The answer should consist of each line from the data below that includes "COLUMN".
[Data listing Boundary: Start]
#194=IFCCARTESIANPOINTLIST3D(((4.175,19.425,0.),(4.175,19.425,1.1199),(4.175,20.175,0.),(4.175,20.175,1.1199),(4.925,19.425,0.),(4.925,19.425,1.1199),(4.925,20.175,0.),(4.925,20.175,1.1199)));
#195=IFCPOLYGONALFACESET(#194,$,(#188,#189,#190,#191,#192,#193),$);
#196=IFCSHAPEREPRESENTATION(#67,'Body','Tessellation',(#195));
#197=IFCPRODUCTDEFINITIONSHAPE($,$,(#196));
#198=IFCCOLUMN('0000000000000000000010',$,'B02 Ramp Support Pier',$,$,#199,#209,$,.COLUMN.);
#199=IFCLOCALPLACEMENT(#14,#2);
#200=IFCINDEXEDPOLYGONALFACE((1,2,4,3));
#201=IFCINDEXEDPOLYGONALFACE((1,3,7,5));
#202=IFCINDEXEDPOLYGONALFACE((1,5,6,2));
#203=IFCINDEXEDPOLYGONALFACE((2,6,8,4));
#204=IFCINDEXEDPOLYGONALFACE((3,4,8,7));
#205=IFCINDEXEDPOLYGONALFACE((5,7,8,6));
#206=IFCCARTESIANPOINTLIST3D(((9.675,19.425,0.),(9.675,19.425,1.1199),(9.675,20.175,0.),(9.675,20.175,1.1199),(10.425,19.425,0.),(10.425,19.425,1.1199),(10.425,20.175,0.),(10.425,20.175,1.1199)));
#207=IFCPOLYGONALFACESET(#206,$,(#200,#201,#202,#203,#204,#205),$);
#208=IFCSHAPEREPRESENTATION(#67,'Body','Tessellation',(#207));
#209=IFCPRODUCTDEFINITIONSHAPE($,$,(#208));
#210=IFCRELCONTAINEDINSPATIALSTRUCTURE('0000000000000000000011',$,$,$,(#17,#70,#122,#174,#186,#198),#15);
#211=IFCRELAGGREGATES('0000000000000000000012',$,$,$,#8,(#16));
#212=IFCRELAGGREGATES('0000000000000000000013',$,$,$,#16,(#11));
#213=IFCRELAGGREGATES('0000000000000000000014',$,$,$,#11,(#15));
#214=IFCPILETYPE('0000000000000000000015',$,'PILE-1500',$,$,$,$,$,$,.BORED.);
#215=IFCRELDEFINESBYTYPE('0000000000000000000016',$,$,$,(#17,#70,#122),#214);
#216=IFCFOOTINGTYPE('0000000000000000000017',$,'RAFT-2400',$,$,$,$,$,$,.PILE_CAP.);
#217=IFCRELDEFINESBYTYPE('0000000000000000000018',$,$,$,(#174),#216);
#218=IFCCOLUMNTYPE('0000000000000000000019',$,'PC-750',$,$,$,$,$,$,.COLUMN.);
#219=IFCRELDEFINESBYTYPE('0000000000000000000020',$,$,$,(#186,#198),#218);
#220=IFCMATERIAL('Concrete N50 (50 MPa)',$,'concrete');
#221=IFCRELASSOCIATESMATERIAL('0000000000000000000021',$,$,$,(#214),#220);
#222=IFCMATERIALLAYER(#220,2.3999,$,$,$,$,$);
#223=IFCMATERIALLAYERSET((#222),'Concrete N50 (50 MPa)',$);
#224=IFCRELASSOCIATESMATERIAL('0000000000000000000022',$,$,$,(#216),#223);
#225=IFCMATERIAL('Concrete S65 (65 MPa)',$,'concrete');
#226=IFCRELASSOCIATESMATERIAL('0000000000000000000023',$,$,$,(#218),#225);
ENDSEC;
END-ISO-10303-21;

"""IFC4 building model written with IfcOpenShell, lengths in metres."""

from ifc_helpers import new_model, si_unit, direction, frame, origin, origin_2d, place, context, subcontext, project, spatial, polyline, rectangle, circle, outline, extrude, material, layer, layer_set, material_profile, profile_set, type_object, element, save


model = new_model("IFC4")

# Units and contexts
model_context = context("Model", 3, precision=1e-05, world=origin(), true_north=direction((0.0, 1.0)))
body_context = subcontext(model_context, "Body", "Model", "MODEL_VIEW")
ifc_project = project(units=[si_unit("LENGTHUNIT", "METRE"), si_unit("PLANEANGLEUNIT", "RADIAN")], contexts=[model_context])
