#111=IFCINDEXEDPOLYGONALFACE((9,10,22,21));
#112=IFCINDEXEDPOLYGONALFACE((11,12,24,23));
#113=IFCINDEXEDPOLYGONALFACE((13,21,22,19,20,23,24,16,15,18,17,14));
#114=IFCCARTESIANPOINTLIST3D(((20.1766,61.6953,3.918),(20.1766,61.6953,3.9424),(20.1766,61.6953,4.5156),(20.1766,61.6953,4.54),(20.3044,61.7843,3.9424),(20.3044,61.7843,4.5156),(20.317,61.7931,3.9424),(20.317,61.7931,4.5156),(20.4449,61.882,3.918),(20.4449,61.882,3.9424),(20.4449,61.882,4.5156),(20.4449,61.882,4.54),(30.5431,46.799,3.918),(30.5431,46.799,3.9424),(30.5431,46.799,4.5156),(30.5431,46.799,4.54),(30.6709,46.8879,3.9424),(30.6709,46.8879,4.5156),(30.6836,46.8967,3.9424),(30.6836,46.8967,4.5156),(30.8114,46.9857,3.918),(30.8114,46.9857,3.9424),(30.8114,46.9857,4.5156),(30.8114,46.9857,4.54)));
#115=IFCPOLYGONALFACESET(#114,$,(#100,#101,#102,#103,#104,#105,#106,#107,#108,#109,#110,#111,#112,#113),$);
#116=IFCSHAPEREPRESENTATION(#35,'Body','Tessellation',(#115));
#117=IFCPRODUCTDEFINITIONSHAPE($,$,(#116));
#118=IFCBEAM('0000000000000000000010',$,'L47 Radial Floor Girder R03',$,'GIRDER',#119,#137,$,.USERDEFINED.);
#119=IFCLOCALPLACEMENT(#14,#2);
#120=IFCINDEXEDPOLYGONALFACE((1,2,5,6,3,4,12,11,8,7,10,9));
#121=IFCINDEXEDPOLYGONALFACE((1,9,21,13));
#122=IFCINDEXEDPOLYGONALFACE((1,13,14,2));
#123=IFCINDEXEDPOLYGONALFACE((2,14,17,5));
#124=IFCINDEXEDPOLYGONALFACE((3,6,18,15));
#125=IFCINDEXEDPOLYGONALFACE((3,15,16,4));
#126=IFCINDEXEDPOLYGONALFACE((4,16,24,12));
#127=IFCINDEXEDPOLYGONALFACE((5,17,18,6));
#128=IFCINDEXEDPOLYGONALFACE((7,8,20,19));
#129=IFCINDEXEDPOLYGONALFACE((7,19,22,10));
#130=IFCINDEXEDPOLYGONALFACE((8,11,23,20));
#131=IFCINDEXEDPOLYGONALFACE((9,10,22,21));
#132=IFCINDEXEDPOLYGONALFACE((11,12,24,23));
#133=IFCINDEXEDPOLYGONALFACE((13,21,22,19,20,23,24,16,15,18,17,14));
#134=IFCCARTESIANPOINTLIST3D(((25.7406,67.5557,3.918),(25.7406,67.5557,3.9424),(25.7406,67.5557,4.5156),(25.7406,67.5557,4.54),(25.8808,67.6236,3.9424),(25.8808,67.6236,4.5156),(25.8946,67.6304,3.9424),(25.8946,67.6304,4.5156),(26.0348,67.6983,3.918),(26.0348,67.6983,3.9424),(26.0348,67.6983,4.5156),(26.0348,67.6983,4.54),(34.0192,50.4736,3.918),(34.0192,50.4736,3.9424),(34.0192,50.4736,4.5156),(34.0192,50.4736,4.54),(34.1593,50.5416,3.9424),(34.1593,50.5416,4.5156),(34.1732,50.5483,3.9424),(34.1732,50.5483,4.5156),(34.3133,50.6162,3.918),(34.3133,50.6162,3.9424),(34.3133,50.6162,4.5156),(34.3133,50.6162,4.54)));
[Data listing Boundary: End]
#### Response:
#198=IFCCOLUMN('0000000000000000000010',$,'B02 Ramp Support Pier',$,$,#199,#209,$,.COLUMN.);
#218=IFCCOLUMNTYPE('0000000000000000000019',$,'PC-750',$,$,$,$,$,$,.COLUMN.);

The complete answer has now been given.